### Your objective
The data must be written out once more, precisely as given.

### Records to process

________________________________________

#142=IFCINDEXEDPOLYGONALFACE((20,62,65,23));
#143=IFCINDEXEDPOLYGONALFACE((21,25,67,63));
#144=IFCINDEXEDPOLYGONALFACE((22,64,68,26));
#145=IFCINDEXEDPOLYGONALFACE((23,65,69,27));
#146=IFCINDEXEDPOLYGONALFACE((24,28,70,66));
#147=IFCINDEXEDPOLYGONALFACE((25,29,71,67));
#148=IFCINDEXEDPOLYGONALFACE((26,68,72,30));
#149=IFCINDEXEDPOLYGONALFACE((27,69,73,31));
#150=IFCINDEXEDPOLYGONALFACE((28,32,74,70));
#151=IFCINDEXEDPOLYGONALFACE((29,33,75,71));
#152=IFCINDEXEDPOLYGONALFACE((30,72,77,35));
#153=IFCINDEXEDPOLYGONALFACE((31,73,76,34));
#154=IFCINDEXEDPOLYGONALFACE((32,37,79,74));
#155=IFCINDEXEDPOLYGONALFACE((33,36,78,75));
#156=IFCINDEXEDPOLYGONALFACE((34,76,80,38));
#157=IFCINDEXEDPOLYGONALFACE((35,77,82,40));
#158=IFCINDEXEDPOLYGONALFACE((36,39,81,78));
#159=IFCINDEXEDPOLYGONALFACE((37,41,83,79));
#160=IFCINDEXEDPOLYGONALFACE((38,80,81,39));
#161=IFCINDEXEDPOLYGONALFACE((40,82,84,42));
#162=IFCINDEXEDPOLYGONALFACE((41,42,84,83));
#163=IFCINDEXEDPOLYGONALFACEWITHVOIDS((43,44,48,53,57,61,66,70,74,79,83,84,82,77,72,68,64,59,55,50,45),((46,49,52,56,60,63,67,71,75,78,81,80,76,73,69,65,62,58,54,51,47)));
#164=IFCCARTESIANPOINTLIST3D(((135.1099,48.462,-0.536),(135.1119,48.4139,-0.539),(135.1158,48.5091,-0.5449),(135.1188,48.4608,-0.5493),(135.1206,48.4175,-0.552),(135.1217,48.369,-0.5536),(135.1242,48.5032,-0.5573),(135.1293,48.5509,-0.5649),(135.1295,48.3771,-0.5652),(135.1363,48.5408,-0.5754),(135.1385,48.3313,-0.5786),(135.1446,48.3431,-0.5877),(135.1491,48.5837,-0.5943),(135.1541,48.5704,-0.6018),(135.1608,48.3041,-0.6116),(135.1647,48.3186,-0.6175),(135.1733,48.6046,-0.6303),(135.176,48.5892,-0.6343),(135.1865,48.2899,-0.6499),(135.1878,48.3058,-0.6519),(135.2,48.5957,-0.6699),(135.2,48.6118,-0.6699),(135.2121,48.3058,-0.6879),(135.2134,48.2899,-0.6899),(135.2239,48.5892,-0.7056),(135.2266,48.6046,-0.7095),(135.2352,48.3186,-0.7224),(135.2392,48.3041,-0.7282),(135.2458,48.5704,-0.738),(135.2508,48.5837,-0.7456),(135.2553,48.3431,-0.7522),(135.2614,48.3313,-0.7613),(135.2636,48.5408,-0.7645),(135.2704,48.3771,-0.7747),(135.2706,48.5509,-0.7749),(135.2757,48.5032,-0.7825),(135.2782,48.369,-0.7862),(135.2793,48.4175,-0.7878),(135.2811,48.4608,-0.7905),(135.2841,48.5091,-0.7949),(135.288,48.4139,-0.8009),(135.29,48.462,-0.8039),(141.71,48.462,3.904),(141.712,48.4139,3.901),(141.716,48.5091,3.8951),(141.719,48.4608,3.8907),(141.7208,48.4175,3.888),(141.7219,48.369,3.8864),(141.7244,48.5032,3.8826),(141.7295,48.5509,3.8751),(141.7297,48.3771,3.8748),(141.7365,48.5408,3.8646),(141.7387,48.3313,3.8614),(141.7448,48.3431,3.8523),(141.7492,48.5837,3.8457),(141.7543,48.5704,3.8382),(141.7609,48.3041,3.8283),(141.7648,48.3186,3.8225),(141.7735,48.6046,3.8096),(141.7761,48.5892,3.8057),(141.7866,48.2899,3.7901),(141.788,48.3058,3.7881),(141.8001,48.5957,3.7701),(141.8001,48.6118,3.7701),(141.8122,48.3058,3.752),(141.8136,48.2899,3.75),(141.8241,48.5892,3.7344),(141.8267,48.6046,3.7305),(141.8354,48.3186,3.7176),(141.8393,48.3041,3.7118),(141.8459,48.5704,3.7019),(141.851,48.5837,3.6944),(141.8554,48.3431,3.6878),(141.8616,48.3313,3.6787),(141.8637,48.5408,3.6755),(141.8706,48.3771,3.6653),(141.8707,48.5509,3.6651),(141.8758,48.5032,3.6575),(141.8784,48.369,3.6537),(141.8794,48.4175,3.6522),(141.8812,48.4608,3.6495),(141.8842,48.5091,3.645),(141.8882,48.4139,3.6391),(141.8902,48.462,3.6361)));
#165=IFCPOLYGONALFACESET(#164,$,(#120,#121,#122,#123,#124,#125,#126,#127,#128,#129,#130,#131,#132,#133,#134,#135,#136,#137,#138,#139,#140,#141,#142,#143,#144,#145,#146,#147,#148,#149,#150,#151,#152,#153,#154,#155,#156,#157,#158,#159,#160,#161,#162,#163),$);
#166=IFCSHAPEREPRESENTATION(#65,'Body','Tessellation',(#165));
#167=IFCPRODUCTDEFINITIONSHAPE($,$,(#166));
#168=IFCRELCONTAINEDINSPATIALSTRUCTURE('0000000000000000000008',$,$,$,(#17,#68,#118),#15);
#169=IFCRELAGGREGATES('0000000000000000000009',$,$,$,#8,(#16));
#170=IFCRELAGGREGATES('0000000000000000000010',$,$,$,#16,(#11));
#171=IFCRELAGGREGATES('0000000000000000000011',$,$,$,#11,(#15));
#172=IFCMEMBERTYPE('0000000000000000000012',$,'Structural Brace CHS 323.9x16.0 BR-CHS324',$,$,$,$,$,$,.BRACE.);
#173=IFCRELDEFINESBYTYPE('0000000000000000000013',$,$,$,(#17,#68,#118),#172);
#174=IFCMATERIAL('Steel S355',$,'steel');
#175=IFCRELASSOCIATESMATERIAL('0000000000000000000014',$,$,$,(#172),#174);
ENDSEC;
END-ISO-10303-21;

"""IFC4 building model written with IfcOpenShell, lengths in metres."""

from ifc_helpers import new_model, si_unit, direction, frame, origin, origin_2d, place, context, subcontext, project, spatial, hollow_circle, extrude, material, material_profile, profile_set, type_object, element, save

________________________________________

### Solution
#142=IFCINDEXEDPOLYGONALFACE((20,62,65,23));
#143=IFCINDEXEDPOLYGONALFACE((21,25,67,63));
#144=IFCINDEXEDPOLYGONALFACE((22,64,68,26));
#145=IFCINDEXEDPOLYGONALFACE((23,65,69,27));
#146=IFCINDEXEDPOLYGONALFACE((24,28,70,66));
#147=IFCINDEXEDPOLYGONALFACE((25,29,71,67));
#148=IFCINDEXEDPOLYGONALFACE((26,68,72,30));
#149=IFCINDEXEDPOLYGONALFACE((27,69,73,31));
#150=IFCINDEXEDPOLYGONALFACE((28,32,74,70));
#151=IFCINDEXEDPOLYGONALFACE((29,33,75,71));
#152=IFCINDEXEDPOLYGONALFACE((30,72,77,35));
#153=IFCINDEXEDPOLYGONALFACE((31,73,76,34));
#154=IFCINDEXEDPOLYGONALFACE((32,37,79,74));
#155=IFCINDEXEDPOLYGONALFACE((33,36,78,75));
#156=IFCINDEXEDPOLYGONALFACE((34,76,80,38));
#157=IFCINDEXEDPOLYGONALFACE((35,77,82,40));
#158=IFCINDEXEDPOLYGONALFACE((36,39,81,78));
#159=IFCINDEXEDPOLYGONALFACE((37,41,83,79));
#160=IFCINDEXEDPOLYGONALFACE((38,80,81,39));
#161=IFCINDEXEDPOLYGONALFACE((40,82,84,42));
#162=IFCINDEXEDPOLYGONALFACE((41,42,84,83));
#163=IFCINDEXEDPOLYGONALFACEWITHVOIDS((43,44,48,53,57,61,66,70,74,79,83,84,82,77,72,68,64,59,55,50,45),((46,49,52,56,60,63,67,71,75,78,81,80,76,73,69,65,62,58,54,51,47)));
#164=IFCCARTESIANPOINTLIST3D(((135.1099,48.462,-0.536),(135.1119,48.4139,-0.539),(135.1158,48.5091,-0.5449),(135.1188,48.4608,-0.5493),(135.1206,48.4175,-0.552),(135.1217,48.369,-0.5536),(135.1242,48.5032,-0.5573),(135.1293,48.5509,-0.5649),(135.1295,48.3771,-0.5652),(135.1363,48.5408,-0.5754),(135.1385,48.3313,-0.5786),(135.1446,48.3431,-0.5877),(135.1491,48.5837,-0.5943),(135.1541,48.5704,-0.6018),(135.1608,48.3041,-0.6116),(135.1647,48.3186,-0.6175),(135.1733,48.6046,-0.6303),(135.176,48.5892,-0.6343),(135.1865,48.2899,-0.6499),(135.1878,48.3058,-0.6519),(135.2,48.5957,-0.6699),(135.2,48.6118,-0.6699),(135.2121,48.3058,-0.6879),(135.2134,48.2899,-0.6899),(135.2239,48.5892,-0.7056),(135.2266,48.6046,-0.7095),(135.2352,48.3186,-0.7224),(135.2392,48.3041,-0.7282),(135.2458,48.5704,-0.738),(135.2508,48.5837,-0.7456),(135.2553,48.3431,-0.7522),(135.2614,48.3313,-0.7613),(135.2636,48.5408,-0.7645),(135.2704,48.3771,-0.7747),(135.2706,48.5509,-0.7749),(135.2757,48.5032,-0.7825),(135.2782,48.369,-0.7862),(135.2793,48.4175,-0.7878),(135.2811,48.4608,-0.7905),(135.2841,48.5091,-0.7949),(135.288,48.4139,-0.8009),(135.29,48.462,-0.8039),(141.71,48.462,3.904),(141.712,48.4139,3.901),(141.716,48.5091,3.8951),(141.719,48.4608,3.8907),(141.7208,48.4175,3.888),(141.7219,48.369,3.8864),(141.7244,48.5032,3.8826),(141.7295,48.5509,3.8751),(141.7297,48.3771,3.8748),(141.7365,48.5408,3.8646),(141.7387,48.3313,3.8614),(141.7448,48.3431,3.8523),(141.7492,48.5837,3.8457),(141.7543,48.5704,3.8382),(141.7609,48.3041,3.8283),(141.7648,48.3186,3.8225),(141.7735,48.6046,3.8096),(141.7761,48.5892,3.8057),(141.7866,48.2899,3.7901),(141.788,48.3058,3.7881),(141.8001,48.5957,3.7701),(141.8001,48.6118,3.7701),(141.8122,48.3058,3.752),(141.8136,48.2899,3.75),(141.8241,48.5892,3.7344),(141.8267,48.6046,3.7305),(141.8354,48.3186,3.7176),(141.8393,48.3041,3.7118),(141.8459,48.5704,3.7019),(141.851,48.5837,3.6944),(141.8554,48.3431,3.6878),(141.8616,48.3313,3.6787),(141.8637,48.5408,3.6755),(141.8706,48.3771,3.6653),(141.8707,48.5509,3.6651),(141.8758,48.5032,3.6575),(141.8784,48.369,3.6537),(141.8794,48.4175,3.6522),(141.8812,48.4608,3.6495),(141.8842,48.5091,3.645),(141.8882,48.4139,3.6391),(141.8902,48.462,3.6361)));
#165=IFCPOLYGONALFACESET(#164,$,(#120,#121,#122,#123,#124,#125,#126,#127,#128,#129,#130,#131,#132,#133,#134,#135,#136,#137,#138,#139,#140,#141,#142,#143,#144,#145,#146,#147,#148,#149,#150,#151,#152,#153,#154,#155,#156,#157,#158,#159,#160,#161,#162,#163),$);
#166=IFCSHAPEREPRESENTATION(#65,'Body','Tessellation',(#165));
#167=IFCPRODUCTDEFINITIONSHAPE($,$,(#166));
#168=IFCRELCONTAINEDINSPATIALSTRUCTURE('0000000000000000000008',$,$,$,(#17,#68,#118),#15);
#169=IFCRELAGGREGATES('0000000000000000000009',$,$,$,#8,(#16));
#170=IFCRELAGGREGATES('0000000000000000000010',$,$,$,#16,(#11));
#171=IFCRELAGGREGATES('0000000000000000000011',$,$,$,#11,(#15));
#172=IFCMEMBERTYPE('0000000000000000000012',$,'Structural Brace CHS 323.9x16.0 BR-CHS324',$,$,$,$,$,$,.BRACE.);
#173=IFCRELDEFINESBYTYPE('0000000000000000000013',$,$,$,(#17,#68,#118),#172);
#174=IFCMATERIAL('Steel S355',$,'steel');
#175=IFCRELASSOCIATESMATERIAL('0000000000000000000014',$,$,$,(#172),#174);
ENDSEC;
END-ISO-10303-21;

"""IFC4 building model written with IfcOpenShell, lengths in metres."""

from ifc_helpers import new_model, si_unit, direction, frame, origin, origin_2d, place, context, subcontext, project, spatial, hollow_circle, extrude, material, material_profile, profile_set, type_object, element, save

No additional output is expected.